[Opening Data provided section]
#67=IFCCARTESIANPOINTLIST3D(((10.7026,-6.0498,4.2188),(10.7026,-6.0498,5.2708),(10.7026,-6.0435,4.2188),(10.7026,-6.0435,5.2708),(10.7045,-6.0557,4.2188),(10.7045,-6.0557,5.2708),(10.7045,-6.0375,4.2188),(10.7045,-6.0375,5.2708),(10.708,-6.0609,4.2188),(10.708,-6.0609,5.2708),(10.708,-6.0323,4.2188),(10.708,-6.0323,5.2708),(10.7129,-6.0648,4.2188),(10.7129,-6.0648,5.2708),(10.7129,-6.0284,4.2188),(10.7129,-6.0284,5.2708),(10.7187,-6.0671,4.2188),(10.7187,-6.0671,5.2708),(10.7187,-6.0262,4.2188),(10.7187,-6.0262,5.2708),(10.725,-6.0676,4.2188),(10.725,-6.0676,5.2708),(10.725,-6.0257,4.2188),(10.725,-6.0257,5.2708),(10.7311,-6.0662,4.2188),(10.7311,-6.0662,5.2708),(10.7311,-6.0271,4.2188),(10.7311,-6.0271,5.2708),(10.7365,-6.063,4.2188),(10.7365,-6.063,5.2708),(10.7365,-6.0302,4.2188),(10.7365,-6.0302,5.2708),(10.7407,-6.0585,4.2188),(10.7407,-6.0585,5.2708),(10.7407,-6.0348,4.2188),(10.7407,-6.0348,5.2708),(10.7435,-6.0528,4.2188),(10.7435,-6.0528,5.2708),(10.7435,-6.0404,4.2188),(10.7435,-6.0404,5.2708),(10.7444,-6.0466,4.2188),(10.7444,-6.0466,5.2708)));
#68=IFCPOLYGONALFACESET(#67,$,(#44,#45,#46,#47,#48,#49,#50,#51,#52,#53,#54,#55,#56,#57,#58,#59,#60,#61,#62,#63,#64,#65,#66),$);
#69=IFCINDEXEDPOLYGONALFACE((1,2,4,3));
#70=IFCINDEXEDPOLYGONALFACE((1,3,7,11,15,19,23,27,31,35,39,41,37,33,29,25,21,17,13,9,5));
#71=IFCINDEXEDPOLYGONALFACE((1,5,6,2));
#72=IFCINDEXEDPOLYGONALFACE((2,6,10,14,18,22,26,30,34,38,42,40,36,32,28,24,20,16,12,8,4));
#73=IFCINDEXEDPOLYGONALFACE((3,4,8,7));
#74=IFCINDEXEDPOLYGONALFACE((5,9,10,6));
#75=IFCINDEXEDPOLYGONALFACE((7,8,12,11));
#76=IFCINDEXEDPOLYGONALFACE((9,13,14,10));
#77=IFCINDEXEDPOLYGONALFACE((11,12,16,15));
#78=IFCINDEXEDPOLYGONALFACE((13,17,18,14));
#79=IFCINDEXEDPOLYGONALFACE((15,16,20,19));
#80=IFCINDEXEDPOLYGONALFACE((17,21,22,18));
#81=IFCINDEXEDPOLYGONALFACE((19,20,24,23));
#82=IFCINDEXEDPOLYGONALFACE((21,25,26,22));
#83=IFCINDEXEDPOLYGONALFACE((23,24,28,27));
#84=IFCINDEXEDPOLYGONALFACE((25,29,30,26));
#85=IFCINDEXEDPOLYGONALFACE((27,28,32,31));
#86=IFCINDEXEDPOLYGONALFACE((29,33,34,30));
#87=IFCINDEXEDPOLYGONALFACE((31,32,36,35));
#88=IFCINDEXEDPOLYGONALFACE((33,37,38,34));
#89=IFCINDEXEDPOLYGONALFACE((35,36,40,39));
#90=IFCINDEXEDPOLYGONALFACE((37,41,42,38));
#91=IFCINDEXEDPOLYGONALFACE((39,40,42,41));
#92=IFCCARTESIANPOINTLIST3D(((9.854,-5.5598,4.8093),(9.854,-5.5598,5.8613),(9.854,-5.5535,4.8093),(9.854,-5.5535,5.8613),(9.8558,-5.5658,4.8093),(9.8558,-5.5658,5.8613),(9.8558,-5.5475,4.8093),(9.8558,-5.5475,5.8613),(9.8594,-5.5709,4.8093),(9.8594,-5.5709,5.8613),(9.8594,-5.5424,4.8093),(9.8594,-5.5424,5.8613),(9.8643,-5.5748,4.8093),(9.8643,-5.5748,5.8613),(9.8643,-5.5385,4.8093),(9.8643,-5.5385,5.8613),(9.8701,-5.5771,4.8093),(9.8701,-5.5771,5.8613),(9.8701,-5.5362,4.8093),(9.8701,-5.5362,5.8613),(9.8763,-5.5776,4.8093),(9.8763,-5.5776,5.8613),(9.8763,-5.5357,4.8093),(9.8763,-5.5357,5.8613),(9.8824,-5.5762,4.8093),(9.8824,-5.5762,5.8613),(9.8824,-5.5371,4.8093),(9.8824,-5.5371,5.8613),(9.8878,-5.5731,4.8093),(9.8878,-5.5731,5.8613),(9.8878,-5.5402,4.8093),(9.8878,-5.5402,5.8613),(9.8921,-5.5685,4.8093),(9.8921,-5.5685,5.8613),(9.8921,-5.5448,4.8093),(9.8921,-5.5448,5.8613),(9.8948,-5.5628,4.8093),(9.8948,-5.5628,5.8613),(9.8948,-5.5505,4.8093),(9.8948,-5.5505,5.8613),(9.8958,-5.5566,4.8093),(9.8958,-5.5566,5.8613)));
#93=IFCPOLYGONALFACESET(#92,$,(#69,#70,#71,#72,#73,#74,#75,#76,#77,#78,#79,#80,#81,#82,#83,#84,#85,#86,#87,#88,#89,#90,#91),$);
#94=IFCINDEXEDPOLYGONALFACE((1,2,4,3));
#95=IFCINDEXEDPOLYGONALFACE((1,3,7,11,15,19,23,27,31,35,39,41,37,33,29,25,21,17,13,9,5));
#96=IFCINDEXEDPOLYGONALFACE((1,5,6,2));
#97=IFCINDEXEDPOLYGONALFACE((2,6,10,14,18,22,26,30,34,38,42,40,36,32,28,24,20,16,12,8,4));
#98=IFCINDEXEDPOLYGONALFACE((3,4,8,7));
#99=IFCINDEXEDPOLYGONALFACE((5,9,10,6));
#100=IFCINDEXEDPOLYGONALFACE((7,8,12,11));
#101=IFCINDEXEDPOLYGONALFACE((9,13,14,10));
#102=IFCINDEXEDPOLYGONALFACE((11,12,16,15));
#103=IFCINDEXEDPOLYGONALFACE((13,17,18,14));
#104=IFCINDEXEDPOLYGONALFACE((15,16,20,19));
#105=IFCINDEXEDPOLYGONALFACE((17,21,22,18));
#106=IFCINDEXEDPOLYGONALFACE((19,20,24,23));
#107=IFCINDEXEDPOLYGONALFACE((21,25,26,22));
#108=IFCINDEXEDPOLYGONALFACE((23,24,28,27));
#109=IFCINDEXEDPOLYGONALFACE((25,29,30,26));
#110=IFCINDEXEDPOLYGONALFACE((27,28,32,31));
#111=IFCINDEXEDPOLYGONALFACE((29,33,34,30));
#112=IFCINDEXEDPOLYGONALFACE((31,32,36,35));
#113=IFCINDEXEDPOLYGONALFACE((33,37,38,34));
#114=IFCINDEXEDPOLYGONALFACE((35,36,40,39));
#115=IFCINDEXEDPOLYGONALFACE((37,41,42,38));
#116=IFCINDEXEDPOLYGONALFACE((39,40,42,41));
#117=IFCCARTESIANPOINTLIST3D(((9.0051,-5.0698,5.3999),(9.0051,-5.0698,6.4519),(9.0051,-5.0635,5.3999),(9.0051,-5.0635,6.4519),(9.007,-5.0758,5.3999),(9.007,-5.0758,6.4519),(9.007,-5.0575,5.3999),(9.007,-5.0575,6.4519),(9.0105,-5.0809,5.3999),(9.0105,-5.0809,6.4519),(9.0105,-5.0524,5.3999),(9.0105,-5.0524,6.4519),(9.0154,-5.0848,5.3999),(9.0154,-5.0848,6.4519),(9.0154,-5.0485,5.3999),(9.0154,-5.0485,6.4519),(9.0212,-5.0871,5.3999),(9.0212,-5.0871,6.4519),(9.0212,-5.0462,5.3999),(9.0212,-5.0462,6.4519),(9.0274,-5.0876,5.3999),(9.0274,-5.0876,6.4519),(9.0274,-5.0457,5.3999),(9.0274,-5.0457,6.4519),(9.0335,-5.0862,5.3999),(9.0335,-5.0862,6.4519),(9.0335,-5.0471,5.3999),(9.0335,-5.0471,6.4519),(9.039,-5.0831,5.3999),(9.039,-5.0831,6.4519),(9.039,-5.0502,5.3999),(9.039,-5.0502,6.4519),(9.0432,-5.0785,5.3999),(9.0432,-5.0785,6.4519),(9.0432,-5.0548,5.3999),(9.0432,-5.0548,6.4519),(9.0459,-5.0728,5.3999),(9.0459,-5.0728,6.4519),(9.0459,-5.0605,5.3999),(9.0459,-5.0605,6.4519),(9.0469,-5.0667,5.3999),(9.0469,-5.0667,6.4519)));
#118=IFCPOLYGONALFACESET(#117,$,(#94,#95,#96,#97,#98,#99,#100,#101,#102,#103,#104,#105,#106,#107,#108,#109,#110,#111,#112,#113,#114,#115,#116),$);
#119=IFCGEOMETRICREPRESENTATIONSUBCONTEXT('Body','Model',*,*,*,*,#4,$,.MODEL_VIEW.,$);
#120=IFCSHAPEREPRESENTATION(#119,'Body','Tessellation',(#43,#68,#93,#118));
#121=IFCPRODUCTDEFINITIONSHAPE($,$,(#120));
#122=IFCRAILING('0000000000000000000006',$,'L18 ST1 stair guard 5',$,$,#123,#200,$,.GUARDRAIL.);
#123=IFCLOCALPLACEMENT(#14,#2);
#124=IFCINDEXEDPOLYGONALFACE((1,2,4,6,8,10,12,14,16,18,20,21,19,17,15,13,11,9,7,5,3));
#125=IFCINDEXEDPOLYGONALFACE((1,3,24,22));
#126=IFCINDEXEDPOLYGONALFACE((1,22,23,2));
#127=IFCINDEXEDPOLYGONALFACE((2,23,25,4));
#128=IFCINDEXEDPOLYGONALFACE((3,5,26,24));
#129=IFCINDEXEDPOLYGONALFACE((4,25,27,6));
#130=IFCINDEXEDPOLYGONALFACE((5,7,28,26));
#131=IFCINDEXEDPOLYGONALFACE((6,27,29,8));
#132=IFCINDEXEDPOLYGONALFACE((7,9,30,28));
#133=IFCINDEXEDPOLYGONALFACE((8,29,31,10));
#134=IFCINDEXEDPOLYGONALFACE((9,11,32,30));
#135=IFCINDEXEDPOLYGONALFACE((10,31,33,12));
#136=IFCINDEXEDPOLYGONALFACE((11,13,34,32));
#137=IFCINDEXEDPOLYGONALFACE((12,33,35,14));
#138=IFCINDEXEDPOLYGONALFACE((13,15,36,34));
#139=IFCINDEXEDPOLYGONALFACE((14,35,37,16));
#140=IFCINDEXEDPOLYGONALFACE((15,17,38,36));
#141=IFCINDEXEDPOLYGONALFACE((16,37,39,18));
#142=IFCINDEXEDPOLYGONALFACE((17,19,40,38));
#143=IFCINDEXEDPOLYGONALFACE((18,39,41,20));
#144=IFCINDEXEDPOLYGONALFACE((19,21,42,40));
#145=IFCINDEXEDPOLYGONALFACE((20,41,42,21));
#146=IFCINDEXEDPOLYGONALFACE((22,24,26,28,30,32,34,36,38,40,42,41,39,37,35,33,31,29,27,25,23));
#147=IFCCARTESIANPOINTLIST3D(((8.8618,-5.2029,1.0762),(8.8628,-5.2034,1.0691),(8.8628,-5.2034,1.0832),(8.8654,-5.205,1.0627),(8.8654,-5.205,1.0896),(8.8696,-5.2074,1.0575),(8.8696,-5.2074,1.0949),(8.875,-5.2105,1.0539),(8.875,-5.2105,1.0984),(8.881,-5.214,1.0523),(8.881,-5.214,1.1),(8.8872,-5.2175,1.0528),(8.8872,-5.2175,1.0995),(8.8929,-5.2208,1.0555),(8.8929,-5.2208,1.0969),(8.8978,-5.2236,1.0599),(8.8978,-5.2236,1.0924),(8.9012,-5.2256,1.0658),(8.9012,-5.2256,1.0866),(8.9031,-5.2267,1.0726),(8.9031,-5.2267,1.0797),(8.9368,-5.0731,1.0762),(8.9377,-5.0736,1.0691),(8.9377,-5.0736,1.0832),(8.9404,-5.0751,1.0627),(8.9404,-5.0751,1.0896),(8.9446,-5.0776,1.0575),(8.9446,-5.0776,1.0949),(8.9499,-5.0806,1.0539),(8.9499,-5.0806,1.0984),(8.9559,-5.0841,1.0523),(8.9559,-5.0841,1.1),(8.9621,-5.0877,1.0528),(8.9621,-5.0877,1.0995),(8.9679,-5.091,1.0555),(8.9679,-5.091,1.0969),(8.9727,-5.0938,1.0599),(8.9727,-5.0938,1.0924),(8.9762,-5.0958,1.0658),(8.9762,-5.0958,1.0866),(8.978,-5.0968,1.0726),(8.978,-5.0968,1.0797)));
[Closing Data provided section]
The task. Restate, please, word for word the span of records running from the first line to the line bearing "#79=IFCINDEXEDPOLYGONALFACE((15,16,20,19));", both included, and nothing outside it.

Exercise output.
#67=IFCCARTESIANPOINTLIST3D(((10.7026,-6.0498,4.2188),(10.7026,-6.0498,5.2708),(10.7026,-6.0435,4.2188),(10.7026,-6.0435,5.2708),(10.7045,-6.0557,4.2188),(10.7045,-6.0557,5.2708),(10.7045,-6.0375,4.2188),(10.7045,-6.0375,5.2708),(10.708,-6.0609,4.2188),(10.708,-6.0609,5.2708),(10.708,-6.0323,4.2188),(10.708,-6.0323,5.2708),(10.7129,-6.0648,4.2188),(10.7129,-6.0648,5.2708),(10.7129,-6.0284,4.2188),(10.7129,-6.0284,5.2708),(10.7187,-6.0671,4.2188),(10.7187,-6.0671,5.2708),(10.7187,-6.0262,4.2188),(10.7187,-6.0262,5.2708),(10.725,-6.0676,4.2188),(10.725,-6.0676,5.2708),(10.725,-6.0257,4.2188),(10.725,-6.0257,5.2708),(10.7311,-6.0662,4.2188),(10.7311,-6.0662,5.2708),(10.7311,-6.0271,4.2188),(10.7311,-6.0271,5.2708),(10.7365,-6.063,4.2188),(10.7365,-6.063,5.2708),(10.7365,-6.0302,4.2188),(10.7365,-6.0302,5.2708),(10.7407,-6.0585,4.2188),(10.7407,-6.0585,5.2708),(10.7407,-6.0348,4.2188),(10.7407,-6.0348,5.2708),(10.7435,-6.0528,4.2188),(10.7435,-6.0528,5.2708),(10.7435,-6.0404,4.2188),(10.7435,-6.0404,5.2708),(10.7444,-6.0466,4.2188),(10.7444,-6.0466,5.2708)));
#68=IFCPOLYGONALFACESET(#67,$,(#44,#45,#46,#47,#48,#49,#50,#51,#52,#53,#54,#55,#56,#57,#58,#59,#60,#61,#62,#63,#64,#65,#66),$);
#69=IFCINDEXEDPOLYGONALFACE((1,2,4,3));
#70=IFCINDEXEDPOLYGONALFACE((1,3,7,11,15,19,23,27,31,35,39,41,37,33,29,25,21,17,13,9,5));
#71=IFCINDEXEDPOLYGONALFACE((1,5,6,2));
#72=IFCINDEXEDPOLYGONALFACE((2,6,10,14,18,22,26,30,34,38,42,40,36,32,28,24,20,16,12,8,4));
#73=IFCINDEXEDPOLYGONALFACE((3,4,8,7));
#74=IFCINDEXEDPOLYGONALFACE((5,9,10,6));
#75=IFCINDEXEDPOLYGONALFACE((7,8,12,11));
#76=IFCINDEXEDPOLYGONALFACE((9,13,14,10));
#77=IFCINDEXEDPOLYGONALFACE((11,12,16,15));
#78=IFCINDEXEDPOLYGONALFACE((13,17,18,14));
#79=IFCINDEXEDPOLYGONALFACE((15,16,20,19));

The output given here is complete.